### What the task requires
Each line of the data below containing "BEAM" needs to be listed.

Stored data
○ ○ ○ ○ ○ ○ ○

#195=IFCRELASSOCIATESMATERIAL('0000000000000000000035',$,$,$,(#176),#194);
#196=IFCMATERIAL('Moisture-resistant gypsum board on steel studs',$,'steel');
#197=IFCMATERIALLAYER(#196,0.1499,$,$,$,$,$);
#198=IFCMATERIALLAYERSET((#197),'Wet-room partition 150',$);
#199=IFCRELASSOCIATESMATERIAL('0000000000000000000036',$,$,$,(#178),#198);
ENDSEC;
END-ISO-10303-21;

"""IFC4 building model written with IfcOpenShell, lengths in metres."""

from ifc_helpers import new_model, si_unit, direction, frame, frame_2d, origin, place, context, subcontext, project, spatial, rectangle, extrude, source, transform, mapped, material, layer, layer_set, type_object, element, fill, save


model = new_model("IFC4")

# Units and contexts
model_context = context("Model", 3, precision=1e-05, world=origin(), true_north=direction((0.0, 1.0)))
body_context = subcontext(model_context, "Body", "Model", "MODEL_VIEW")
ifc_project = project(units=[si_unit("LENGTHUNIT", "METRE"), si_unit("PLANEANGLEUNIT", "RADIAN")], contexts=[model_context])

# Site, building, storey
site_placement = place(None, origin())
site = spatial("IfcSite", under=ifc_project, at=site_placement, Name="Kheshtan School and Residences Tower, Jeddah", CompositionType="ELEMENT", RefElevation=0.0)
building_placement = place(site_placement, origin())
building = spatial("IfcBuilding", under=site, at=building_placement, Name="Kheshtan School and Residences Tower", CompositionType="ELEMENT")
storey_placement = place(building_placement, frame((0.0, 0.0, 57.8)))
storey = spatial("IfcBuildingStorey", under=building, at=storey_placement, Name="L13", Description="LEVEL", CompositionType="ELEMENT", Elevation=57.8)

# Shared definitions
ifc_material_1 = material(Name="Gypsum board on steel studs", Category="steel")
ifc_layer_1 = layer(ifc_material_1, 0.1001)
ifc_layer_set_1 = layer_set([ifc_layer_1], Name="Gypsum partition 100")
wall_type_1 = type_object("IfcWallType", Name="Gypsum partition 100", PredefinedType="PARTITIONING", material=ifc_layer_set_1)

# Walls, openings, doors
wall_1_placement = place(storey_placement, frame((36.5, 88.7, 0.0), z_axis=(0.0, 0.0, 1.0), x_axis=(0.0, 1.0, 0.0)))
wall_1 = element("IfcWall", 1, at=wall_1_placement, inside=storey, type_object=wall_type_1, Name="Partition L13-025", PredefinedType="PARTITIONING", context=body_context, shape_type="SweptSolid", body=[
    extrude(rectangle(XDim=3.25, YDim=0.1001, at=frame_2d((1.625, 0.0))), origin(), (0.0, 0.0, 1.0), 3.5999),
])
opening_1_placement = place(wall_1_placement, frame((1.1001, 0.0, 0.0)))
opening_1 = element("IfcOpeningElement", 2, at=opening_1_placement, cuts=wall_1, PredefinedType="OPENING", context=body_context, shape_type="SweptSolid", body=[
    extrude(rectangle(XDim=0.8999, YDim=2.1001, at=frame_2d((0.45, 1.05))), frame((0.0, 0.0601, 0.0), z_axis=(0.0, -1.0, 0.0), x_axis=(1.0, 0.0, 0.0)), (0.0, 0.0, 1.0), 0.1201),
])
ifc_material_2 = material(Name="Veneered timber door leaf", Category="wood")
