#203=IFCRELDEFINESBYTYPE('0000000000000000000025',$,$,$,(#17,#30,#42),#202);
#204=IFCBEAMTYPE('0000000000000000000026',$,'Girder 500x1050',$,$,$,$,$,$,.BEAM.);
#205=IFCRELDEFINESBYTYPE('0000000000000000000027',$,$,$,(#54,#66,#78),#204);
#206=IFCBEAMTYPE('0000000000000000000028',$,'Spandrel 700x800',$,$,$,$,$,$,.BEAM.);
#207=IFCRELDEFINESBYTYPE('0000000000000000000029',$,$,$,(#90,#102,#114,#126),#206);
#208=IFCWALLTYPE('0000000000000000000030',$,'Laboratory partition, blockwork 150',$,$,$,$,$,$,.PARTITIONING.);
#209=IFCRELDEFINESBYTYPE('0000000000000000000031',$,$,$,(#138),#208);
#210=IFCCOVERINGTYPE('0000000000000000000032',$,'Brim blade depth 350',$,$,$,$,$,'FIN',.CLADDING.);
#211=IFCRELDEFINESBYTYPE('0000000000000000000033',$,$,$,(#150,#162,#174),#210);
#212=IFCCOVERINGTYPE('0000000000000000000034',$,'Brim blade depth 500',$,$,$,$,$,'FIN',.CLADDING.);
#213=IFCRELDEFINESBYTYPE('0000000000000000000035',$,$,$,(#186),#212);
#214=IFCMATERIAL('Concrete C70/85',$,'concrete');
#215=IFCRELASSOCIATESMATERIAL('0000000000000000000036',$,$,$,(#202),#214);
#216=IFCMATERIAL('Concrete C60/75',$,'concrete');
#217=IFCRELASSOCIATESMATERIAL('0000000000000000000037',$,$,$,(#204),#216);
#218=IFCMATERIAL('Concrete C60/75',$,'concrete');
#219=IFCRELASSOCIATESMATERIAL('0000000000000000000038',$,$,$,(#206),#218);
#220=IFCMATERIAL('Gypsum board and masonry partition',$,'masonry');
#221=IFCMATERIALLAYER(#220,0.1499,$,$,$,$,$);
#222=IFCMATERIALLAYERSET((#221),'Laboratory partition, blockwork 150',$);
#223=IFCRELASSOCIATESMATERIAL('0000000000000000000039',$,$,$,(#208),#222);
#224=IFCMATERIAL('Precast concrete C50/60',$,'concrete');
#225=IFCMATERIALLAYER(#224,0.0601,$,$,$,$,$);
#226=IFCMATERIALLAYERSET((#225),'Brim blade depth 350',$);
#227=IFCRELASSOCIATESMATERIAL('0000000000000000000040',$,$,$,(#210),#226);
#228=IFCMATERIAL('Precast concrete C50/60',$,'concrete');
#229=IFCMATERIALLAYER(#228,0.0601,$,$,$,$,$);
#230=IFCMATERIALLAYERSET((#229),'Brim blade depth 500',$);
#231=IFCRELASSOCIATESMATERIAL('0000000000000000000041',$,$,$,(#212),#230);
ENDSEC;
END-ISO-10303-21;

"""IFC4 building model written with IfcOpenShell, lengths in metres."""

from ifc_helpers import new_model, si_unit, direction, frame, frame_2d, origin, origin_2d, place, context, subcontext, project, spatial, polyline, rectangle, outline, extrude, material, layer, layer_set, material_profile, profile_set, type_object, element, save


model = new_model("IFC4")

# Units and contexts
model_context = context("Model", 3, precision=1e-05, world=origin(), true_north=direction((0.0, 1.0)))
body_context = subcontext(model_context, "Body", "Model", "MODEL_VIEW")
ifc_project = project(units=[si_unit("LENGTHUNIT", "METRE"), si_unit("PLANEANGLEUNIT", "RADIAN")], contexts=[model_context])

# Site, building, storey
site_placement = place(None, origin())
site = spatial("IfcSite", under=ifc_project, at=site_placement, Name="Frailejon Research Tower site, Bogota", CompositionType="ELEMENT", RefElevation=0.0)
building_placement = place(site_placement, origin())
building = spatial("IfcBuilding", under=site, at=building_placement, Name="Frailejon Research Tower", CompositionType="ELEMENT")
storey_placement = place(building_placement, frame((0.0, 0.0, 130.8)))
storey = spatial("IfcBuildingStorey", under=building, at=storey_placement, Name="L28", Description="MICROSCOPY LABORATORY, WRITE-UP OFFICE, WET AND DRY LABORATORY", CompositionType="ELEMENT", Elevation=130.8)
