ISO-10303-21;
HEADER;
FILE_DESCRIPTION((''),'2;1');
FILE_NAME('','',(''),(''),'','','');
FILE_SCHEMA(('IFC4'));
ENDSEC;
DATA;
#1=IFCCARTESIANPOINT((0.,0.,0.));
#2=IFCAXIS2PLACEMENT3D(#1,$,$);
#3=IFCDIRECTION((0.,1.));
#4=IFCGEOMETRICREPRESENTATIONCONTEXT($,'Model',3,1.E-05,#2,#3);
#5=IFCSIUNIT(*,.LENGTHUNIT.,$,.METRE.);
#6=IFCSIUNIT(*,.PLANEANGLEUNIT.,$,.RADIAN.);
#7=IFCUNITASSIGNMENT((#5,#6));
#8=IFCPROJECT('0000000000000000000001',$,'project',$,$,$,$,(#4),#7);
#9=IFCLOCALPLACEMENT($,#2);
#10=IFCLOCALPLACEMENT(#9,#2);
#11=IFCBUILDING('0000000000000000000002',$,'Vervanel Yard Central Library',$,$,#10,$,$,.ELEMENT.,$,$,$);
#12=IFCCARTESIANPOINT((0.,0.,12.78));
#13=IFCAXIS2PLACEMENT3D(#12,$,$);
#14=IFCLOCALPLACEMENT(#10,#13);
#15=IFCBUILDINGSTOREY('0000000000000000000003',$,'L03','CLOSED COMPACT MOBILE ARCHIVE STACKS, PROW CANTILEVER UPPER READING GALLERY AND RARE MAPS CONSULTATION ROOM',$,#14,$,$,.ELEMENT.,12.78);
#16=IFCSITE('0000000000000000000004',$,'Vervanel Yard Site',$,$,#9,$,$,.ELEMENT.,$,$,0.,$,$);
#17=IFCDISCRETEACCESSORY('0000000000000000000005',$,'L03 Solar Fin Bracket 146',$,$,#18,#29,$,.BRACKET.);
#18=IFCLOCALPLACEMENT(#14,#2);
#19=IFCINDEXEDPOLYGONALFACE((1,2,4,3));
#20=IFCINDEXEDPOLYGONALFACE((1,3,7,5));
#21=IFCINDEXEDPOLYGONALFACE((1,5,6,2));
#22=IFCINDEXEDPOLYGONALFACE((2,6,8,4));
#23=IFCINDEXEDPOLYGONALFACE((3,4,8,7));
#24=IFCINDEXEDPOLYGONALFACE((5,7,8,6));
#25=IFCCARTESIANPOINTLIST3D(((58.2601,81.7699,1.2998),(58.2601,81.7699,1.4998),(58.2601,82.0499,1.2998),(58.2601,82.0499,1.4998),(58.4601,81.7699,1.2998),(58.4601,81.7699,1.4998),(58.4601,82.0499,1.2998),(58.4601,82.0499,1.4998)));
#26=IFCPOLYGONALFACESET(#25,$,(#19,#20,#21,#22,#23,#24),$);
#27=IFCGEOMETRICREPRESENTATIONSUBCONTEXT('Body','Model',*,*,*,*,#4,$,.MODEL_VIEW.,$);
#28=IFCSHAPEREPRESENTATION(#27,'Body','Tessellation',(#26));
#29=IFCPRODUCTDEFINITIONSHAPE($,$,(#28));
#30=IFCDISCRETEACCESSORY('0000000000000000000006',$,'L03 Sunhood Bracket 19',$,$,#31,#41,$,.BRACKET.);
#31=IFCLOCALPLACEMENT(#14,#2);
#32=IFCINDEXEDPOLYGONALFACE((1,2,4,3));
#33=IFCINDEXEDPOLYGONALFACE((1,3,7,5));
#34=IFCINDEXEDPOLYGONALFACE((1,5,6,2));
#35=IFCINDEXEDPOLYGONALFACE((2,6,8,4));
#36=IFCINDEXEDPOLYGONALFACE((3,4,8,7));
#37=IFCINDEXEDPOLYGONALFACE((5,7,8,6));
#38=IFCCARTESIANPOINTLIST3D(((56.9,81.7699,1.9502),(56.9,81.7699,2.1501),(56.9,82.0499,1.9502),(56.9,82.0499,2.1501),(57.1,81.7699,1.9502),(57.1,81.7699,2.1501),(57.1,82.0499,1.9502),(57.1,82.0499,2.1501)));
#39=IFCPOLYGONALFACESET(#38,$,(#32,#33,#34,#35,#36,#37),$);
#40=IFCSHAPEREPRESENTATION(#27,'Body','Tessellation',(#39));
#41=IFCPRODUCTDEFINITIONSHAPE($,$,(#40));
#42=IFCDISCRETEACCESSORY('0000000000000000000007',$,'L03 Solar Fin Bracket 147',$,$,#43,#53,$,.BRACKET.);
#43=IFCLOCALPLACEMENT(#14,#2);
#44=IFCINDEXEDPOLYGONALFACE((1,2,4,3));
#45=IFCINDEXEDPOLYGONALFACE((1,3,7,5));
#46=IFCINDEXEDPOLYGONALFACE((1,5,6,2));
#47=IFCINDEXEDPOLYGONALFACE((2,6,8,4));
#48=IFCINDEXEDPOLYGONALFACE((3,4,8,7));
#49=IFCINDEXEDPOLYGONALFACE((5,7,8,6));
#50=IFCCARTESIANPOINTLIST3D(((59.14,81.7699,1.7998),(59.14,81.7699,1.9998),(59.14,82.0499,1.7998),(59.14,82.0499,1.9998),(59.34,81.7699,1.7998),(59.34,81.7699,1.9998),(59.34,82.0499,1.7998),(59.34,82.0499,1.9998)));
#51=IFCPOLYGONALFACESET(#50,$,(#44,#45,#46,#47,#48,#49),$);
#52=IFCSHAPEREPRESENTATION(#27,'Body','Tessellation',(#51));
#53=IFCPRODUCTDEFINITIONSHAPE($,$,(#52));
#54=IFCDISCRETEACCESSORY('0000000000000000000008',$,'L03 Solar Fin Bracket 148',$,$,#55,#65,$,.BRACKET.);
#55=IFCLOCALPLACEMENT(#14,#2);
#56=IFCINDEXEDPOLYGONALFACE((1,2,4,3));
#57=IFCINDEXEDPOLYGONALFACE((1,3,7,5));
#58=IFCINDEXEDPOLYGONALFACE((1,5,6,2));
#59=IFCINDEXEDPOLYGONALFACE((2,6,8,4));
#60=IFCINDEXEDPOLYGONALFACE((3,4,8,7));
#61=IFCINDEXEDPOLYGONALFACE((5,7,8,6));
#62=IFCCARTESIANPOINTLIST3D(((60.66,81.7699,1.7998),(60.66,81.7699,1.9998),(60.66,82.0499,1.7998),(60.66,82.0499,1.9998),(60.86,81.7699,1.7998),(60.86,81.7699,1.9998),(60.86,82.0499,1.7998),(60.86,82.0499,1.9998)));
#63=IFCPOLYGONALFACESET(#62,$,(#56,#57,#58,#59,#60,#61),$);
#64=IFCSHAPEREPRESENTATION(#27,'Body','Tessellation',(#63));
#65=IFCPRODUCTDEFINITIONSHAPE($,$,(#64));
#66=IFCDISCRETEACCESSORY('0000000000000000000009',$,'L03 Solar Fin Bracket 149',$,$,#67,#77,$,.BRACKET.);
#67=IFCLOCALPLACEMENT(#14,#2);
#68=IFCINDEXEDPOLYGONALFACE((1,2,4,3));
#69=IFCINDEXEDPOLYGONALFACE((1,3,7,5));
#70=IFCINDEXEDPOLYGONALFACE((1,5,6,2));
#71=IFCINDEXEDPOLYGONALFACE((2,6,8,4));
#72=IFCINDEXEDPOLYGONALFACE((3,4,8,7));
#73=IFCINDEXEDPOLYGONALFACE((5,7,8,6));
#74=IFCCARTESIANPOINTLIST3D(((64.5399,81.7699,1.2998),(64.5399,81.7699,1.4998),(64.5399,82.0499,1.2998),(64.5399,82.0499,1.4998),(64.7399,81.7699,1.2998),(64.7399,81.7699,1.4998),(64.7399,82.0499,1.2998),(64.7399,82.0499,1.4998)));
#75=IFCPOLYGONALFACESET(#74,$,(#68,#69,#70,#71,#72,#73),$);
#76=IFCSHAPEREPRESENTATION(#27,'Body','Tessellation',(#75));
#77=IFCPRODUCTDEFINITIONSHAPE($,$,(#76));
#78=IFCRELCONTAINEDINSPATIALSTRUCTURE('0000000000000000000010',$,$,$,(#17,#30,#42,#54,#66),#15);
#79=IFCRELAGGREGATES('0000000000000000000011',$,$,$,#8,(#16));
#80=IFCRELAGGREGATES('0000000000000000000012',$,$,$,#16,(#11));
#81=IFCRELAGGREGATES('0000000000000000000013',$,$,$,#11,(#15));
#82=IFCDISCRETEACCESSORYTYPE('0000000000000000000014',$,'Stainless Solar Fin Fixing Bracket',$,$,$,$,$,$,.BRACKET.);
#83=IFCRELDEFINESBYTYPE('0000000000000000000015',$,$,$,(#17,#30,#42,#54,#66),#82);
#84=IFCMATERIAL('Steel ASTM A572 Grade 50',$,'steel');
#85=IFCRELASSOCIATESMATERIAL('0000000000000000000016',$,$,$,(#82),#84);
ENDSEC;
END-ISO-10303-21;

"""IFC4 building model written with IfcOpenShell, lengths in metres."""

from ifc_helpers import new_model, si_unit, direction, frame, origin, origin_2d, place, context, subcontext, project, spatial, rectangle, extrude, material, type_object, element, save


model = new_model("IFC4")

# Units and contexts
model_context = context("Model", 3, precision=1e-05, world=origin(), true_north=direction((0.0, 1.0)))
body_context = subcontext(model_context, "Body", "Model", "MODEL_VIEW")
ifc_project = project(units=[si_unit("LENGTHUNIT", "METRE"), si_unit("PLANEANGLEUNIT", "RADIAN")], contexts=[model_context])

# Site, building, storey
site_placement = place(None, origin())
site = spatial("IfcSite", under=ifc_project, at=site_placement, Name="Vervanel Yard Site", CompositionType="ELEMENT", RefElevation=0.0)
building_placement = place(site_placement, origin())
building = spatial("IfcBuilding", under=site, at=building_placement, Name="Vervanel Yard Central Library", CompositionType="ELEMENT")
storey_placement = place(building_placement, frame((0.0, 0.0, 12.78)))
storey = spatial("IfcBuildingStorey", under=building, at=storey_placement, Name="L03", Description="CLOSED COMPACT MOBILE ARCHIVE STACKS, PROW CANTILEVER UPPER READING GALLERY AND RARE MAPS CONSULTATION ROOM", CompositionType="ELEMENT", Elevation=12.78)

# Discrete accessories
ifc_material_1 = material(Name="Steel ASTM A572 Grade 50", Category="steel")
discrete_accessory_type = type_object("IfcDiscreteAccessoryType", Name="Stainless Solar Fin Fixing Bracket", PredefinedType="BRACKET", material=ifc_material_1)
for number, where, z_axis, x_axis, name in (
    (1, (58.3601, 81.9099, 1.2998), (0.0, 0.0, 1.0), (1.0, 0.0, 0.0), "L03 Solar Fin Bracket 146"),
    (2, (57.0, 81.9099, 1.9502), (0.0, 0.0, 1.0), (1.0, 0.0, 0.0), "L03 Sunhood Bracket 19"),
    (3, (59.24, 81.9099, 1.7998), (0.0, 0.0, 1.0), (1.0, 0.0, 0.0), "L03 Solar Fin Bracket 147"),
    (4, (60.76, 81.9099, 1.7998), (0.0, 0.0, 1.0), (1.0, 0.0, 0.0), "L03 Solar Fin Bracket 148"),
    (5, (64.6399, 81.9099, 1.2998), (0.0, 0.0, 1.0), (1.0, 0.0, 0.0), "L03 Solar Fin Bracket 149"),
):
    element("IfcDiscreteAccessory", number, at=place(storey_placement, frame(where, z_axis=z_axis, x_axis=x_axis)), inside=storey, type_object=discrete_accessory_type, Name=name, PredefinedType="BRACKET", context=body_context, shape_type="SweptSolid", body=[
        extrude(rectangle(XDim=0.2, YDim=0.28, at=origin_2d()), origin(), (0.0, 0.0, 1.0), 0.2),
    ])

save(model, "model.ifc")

○ ○ ○ ○ ○ ○ ○

### Response area
#204=IFCBEAMTYPE('0000000000000000000026',$,'Girder 500x1050',$,$,$,$,$,$,.BEAM.);
#206=IFCBEAMTYPE('0000000000000000000028',$,'Spandrel 700x800',$,$,$,$,$,$,.BEAM.);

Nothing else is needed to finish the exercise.